Material provided START
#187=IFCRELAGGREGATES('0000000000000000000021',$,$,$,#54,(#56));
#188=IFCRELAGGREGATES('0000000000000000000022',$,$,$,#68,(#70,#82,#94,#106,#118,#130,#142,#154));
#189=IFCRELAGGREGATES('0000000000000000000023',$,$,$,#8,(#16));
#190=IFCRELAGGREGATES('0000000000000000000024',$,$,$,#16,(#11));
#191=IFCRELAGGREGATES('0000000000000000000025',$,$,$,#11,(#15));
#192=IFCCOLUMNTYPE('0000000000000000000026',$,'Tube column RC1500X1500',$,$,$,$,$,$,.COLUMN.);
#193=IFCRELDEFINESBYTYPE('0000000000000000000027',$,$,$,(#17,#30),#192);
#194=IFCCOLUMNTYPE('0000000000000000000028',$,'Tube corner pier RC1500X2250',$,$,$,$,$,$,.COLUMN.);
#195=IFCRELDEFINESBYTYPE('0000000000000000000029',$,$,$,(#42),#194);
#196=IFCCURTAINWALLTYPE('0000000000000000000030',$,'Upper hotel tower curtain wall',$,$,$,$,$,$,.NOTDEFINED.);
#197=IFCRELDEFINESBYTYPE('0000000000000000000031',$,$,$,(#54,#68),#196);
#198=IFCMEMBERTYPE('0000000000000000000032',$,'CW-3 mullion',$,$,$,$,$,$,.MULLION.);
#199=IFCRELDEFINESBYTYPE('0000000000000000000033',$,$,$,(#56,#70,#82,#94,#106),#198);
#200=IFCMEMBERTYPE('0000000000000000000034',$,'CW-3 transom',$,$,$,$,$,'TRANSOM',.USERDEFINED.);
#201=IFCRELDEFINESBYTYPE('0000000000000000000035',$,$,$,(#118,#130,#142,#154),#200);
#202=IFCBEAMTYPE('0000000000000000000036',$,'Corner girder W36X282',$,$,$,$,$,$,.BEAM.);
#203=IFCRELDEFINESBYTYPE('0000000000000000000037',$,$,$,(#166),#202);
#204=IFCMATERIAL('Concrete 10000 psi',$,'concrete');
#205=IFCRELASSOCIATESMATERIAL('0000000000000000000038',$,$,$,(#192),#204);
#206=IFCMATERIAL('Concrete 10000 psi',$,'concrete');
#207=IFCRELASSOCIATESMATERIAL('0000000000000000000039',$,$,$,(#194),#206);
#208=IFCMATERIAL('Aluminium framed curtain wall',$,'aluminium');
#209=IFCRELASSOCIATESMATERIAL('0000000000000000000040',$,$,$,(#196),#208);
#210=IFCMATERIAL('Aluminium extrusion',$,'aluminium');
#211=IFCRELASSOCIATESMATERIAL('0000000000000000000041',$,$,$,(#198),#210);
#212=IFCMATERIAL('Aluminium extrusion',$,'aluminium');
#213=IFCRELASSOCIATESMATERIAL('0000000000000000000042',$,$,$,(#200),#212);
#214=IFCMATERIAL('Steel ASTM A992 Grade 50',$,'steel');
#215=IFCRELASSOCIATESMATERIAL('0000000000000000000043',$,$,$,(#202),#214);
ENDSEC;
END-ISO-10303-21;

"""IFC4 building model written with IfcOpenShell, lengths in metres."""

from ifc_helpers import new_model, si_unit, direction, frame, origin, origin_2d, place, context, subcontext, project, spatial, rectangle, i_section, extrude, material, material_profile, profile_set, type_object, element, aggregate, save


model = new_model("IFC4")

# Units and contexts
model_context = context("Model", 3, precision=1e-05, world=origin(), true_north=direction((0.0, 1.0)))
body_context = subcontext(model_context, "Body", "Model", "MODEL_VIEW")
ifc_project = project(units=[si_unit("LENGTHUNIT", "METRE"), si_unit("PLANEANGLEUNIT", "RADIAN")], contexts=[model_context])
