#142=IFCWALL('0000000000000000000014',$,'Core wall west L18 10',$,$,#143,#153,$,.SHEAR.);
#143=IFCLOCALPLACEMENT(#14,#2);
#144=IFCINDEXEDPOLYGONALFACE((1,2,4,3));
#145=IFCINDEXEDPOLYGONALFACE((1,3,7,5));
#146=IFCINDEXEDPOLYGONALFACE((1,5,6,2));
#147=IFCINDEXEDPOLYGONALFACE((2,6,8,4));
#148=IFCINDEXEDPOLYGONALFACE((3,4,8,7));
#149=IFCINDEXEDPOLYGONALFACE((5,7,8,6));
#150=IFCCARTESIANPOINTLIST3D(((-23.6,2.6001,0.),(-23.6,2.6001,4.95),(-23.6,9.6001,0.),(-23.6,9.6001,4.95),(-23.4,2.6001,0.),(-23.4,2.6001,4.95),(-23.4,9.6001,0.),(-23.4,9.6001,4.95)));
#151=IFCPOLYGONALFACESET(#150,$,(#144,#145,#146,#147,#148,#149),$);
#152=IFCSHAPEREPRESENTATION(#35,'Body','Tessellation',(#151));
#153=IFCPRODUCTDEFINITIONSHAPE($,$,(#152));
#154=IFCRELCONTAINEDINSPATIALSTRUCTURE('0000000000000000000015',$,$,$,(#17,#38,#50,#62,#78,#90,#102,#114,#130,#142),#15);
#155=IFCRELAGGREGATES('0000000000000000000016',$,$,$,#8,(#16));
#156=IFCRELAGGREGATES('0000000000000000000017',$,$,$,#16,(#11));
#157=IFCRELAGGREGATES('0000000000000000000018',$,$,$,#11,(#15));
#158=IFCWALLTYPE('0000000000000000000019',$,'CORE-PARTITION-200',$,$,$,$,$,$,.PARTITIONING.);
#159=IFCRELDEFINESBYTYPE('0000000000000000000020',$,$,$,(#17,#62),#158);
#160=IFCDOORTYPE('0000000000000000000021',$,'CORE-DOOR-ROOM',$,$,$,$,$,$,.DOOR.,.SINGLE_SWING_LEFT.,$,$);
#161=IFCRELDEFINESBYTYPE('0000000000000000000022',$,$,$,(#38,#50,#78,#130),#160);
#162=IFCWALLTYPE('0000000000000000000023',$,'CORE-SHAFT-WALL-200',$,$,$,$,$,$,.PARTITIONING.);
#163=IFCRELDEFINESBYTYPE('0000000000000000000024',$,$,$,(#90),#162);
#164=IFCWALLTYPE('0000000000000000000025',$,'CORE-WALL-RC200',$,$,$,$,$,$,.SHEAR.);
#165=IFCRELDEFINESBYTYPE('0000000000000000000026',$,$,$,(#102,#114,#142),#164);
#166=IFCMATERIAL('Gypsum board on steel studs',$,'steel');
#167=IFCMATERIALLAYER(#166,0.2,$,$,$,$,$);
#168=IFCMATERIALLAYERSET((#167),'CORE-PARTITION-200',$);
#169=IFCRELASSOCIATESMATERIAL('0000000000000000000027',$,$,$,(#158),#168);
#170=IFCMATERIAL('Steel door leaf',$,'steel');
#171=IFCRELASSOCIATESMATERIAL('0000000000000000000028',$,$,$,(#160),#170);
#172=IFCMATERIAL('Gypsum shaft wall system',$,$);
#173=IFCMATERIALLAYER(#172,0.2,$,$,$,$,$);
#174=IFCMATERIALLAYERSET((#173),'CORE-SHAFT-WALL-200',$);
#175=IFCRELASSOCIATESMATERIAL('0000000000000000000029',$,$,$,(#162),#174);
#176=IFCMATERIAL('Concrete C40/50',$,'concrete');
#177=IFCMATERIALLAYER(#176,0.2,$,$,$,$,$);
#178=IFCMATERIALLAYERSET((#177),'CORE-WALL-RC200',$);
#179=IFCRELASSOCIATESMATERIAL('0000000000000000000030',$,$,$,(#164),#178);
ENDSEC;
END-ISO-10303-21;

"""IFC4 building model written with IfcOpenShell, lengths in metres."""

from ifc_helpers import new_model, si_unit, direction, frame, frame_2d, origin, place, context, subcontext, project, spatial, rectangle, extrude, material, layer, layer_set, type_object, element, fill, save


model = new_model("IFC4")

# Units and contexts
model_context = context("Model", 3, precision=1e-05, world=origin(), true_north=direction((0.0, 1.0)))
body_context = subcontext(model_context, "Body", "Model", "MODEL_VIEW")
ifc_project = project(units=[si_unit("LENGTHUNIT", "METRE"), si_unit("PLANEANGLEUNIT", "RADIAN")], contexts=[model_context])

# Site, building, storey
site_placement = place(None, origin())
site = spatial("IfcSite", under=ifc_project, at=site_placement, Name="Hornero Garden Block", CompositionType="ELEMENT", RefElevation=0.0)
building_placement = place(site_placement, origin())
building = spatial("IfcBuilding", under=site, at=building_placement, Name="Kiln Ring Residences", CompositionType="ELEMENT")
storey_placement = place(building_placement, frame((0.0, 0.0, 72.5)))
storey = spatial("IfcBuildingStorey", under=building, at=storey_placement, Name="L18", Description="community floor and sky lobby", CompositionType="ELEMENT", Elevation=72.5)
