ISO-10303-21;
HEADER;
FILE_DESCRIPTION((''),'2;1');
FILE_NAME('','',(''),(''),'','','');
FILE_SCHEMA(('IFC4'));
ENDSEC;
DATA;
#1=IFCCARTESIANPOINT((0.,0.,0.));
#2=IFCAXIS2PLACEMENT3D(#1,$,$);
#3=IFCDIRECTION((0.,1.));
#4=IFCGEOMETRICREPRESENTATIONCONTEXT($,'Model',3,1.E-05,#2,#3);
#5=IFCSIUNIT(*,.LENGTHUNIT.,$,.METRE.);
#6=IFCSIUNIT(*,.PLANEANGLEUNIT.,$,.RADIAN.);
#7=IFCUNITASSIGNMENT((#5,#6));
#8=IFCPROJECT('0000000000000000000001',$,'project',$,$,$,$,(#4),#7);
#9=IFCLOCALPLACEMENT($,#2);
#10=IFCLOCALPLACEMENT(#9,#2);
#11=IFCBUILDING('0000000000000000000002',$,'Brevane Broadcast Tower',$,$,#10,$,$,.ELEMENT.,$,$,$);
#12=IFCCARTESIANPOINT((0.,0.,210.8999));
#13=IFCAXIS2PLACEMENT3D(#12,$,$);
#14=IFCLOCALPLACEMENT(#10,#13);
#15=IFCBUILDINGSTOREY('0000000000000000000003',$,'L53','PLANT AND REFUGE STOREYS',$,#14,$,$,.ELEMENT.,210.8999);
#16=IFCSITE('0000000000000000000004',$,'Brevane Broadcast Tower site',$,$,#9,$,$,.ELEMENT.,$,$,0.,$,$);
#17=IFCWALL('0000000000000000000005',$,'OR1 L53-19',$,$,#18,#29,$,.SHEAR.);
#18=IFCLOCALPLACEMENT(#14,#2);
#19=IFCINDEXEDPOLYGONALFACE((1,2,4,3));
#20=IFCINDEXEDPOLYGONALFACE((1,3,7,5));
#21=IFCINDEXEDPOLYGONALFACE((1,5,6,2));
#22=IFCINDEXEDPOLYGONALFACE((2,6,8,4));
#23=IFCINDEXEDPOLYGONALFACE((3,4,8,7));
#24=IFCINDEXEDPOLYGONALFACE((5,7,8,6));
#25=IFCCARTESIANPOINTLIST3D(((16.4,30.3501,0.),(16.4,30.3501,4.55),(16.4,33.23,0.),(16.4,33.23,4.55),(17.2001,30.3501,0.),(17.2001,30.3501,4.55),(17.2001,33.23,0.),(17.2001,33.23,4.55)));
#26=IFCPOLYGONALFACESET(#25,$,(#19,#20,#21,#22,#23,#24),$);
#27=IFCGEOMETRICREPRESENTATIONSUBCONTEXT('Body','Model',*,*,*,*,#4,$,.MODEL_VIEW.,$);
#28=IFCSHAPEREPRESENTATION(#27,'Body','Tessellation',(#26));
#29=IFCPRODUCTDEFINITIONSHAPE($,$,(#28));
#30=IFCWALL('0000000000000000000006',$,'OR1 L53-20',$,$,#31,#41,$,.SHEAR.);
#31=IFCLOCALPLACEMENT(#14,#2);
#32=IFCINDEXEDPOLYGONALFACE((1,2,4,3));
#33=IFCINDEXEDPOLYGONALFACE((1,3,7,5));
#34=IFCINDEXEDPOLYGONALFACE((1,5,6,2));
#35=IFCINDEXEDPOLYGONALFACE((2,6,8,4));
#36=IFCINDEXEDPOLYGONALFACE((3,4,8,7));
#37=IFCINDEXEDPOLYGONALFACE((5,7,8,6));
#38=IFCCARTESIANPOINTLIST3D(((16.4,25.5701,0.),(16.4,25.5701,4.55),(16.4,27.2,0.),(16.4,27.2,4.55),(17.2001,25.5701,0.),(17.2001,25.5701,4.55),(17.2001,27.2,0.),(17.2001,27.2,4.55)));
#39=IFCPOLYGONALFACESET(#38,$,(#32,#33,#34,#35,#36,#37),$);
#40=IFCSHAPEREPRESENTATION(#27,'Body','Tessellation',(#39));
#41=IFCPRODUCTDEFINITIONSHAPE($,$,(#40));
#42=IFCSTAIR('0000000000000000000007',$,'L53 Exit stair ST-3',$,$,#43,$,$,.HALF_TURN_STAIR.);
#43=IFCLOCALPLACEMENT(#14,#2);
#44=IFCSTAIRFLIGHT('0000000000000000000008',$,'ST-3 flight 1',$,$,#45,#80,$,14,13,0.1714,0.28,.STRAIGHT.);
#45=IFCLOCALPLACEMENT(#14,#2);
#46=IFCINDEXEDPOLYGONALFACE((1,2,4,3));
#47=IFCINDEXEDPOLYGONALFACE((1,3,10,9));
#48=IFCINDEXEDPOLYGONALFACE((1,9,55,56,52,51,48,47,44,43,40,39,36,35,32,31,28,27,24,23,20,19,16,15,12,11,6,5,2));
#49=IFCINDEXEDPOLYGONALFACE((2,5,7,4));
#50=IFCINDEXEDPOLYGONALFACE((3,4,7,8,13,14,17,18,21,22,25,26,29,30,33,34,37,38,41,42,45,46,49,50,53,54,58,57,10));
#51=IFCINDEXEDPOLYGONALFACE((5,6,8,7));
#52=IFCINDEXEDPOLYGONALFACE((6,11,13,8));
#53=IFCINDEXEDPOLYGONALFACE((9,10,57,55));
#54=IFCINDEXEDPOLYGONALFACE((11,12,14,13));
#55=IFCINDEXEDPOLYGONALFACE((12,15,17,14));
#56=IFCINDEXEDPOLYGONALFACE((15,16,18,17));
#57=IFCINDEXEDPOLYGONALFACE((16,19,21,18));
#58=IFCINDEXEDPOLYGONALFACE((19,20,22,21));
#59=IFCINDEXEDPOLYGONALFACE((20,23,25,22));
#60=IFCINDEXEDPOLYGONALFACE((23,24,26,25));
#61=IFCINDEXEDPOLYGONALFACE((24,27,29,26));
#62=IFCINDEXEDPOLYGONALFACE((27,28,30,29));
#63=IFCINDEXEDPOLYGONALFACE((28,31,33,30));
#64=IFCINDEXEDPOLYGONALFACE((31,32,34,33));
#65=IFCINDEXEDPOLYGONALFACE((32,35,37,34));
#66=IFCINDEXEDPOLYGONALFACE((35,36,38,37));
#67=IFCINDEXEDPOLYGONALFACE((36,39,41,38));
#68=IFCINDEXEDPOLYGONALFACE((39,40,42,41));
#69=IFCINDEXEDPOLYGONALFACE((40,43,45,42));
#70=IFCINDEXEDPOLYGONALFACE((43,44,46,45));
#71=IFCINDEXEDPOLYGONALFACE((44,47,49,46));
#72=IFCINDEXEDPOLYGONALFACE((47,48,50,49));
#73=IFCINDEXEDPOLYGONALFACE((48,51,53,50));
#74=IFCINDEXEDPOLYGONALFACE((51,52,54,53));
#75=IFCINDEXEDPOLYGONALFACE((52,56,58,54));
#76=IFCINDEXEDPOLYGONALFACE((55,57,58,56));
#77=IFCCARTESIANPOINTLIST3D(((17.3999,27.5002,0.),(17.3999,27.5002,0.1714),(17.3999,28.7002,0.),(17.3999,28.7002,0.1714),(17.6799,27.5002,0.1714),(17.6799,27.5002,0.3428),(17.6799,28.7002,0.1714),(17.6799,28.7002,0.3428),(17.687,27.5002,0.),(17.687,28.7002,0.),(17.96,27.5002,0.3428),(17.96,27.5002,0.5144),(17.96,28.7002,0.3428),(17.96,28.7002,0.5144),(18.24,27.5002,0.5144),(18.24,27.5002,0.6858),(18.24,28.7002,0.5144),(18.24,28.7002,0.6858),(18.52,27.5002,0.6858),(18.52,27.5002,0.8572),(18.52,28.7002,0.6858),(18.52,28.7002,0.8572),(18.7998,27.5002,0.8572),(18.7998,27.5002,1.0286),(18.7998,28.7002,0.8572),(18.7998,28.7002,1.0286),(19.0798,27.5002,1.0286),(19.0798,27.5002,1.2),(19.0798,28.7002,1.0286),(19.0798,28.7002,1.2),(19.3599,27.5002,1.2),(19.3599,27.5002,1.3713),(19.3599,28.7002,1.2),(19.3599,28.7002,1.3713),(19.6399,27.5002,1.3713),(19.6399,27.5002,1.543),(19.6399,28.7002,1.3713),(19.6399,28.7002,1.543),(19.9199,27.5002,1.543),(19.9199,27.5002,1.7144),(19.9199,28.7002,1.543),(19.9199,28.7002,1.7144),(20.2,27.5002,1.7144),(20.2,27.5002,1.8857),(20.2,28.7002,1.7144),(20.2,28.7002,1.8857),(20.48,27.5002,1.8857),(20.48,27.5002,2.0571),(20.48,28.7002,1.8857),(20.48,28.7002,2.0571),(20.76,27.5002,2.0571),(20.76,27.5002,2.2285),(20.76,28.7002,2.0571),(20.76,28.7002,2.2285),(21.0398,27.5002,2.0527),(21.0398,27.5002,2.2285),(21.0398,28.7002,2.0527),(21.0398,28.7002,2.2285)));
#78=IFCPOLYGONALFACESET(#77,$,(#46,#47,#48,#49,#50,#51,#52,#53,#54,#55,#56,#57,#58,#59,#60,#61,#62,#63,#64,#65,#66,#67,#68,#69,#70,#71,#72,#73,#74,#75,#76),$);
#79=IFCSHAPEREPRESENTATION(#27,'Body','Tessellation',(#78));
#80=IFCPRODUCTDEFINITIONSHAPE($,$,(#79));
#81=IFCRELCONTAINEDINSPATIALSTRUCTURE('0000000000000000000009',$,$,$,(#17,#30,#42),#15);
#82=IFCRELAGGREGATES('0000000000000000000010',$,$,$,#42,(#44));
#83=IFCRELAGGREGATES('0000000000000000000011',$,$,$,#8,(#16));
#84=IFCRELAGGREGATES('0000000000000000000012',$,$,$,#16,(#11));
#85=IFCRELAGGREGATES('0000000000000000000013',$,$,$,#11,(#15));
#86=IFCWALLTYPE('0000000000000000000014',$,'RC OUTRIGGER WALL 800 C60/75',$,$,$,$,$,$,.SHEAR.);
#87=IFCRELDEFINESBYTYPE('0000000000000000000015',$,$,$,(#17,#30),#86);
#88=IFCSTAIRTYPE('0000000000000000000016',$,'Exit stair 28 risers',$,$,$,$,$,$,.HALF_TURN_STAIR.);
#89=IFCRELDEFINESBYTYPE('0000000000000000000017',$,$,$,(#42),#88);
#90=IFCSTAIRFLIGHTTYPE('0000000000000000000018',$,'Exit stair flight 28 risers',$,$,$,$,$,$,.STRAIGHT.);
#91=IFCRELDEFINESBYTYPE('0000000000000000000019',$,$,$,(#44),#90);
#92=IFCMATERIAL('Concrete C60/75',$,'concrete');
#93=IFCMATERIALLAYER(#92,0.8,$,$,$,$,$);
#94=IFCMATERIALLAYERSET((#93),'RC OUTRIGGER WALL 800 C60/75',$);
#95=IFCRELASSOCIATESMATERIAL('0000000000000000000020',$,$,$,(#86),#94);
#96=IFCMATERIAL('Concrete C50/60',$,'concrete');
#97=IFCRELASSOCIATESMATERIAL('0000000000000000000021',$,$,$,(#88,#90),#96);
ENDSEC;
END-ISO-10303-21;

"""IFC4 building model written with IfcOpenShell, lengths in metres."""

from ifc_helpers import new_model, si_unit, direction, frame, frame_2d, origin, place, context, subcontext, project, spatial, polyline, rectangle, outline, extrude, material, layer, layer_set, type_object, element, aggregate, save


model = new_model("IFC4")

# Units and contexts
model_context = context("Model", 3, precision=1e-05, world=origin(), true_north=direction((0.0, 1.0)))
body_context = subcontext(model_context, "Body", "Model", "MODEL_VIEW")
ifc_project = project(units=[si_unit("LENGTHUNIT", "METRE"), si_unit("PLANEANGLEUNIT", "RADIAN")], contexts=[model_context])

# Site, building, storey
site_placement = place(None, origin())
site = spatial("IfcSite", under=ifc_project, at=site_placement, Name="Brevane Broadcast Tower site", CompositionType="ELEMENT", RefElevation=0.0)
building_placement = place(site_placement, origin())
building = spatial("IfcBuilding", under=site, at=building_placement, Name="Brevane Broadcast Tower", CompositionType="ELEMENT")
storey_placement = place(building_placement, frame((0.0, 0.0, 210.8999)))
storey = spatial("IfcBuildingStorey", under=building, at=storey_placement, Name="L53", Description="PLANT AND REFUGE STOREYS", CompositionType="ELEMENT", Elevation=210.8999)

# Shared definitions
ifc_material_1 = material(Name="Concrete C50/60", Category="concrete")

# Walls
ifc_material_2 = material(Name="Concrete C60/75", Category="concrete")
ifc_layer_1 = layer(ifc_material_2, 0.8)
ifc_layer_set_1 = layer_set([ifc_layer_1], Name="RC OUTRIGGER WALL 800 C60/75")
wall_type_1 = type_object("IfcWallType", Name="RC OUTRIGGER WALL 800 C60/75", PredefinedType="SHEAR", material=ifc_layer_set_1)
wall_1_placement = place(storey_placement, frame((16.8, 30.3501, 0.0), z_axis=(0.0, 0.0, 1.0), x_axis=(0.0, 1.0, 0.0)))
element("IfcWall", 1, at=wall_1_placement, inside=storey, type_object=wall_type_1, Name="OR1 L53-19", PredefinedType="SHEAR", context=body_context, shape_type="SweptSolid", body=[
    extrude(rectangle(XDim=2.8799, YDim=0.8, at=frame_2d((1.4399, 0.0))), origin(), (0.0, 0.0, 1.0), 4.55),
])
wall_2_placement = place(storey_placement, frame((16.8, 25.5701, 0.0), z_axis=(0.0, 0.0, 1.0), x_axis=(0.0, 1.0, 0.0)))
element("IfcWall", 2, at=wall_2_placement, inside=storey, type_object=wall_type_1, Name="OR1 L53-20", PredefinedType="SHEAR", context=body_context, shape_type="SweptSolid", body=[
    extrude(rectangle(XDim=1.6299, YDim=0.8, at=frame_2d((0.8149, 0.0))), origin(), (0.0, 0.0, 1.0), 4.55),
])

# Stair, stair flight
stair_type = type_object("IfcStairType", Name="Exit stair 28 risers", PredefinedType="HALF_TURN_STAIR", material=ifc_material_1)
stair_placement = place(storey_placement, origin())
stair = element("IfcStair", 3, at=stair_placement, inside=storey, type_object=stair_type, Name="L53 Exit stair ST-3", PredefinedType="HALF_TURN_STAIR")
stair_flight_type = type_object("IfcStairFlightType", Name="Exit stair flight 28 risers", PredefinedType="STRAIGHT", material=ifc_material_1)
stair_flight_placement = place(storey_placement, frame((17.3999, 28.1001, 0.0), z_axis=(0.0, 0.0, 1.0), x_axis=(1.0, 0.0, 0.0)))
stair_flight = element("IfcStairFlight", 4, at=stair_flight_placement, type_object=stair_flight_type, Name="ST-3 flight 1", NumberOfRisers=14, NumberOfTreads=13, PredefinedType="STRAIGHT", RiserHeight=0.1714, TreadLength=0.28, context=body_context, shape_type="SweptSolid", body=[
    extrude(outline(polyline([(0.0, 0.0), (0.0, 0.1714), (0.28, 0.1714), (0.28, 0.3428), (0.5601, 0.3428), (0.5601, 0.5144), (0.8401, 0.5144), (0.8401, 0.6858), (1.1201, 0.6858), (1.1201, 0.8572), (1.3999, 0.8572), (1.3999, 1.0286), (1.6799, 1.0286), (1.6799, 1.2), (1.96, 1.2), (1.96, 1.3713), (2.24, 1.3713), (2.24, 1.543), (2.52, 1.543), (2.52, 1.7144), (2.8, 1.7144), (2.8, 1.8857), (3.0801, 1.8857), (3.0801, 2.0571), (3.3601, 2.0571), (3.3601, 2.2285), (3.6399, 2.2285), (3.6399, 2.3999), (3.6399, 2.0527), (0.2871, 0.0), (0.0, 0.0)])), frame((0.0, 0.6001, 0.0), z_axis=(0.0, -1.0, 0.0), x_axis=(1.0, 0.0, 0.0)), (0.0, 0.0, 1.0), 1.2),
])
aggregate(stair, [stair_flight])

save(model, "model.ifc")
Material provided END
Exercise instructions: Find and show each line of the listing with the word "extrusion".

Answer to this task:
#210=IFCMATERIAL('Aluminium extrusion',$,'aluminium');
#212=IFCMATERIAL('Aluminium extrusion',$,'aluminium');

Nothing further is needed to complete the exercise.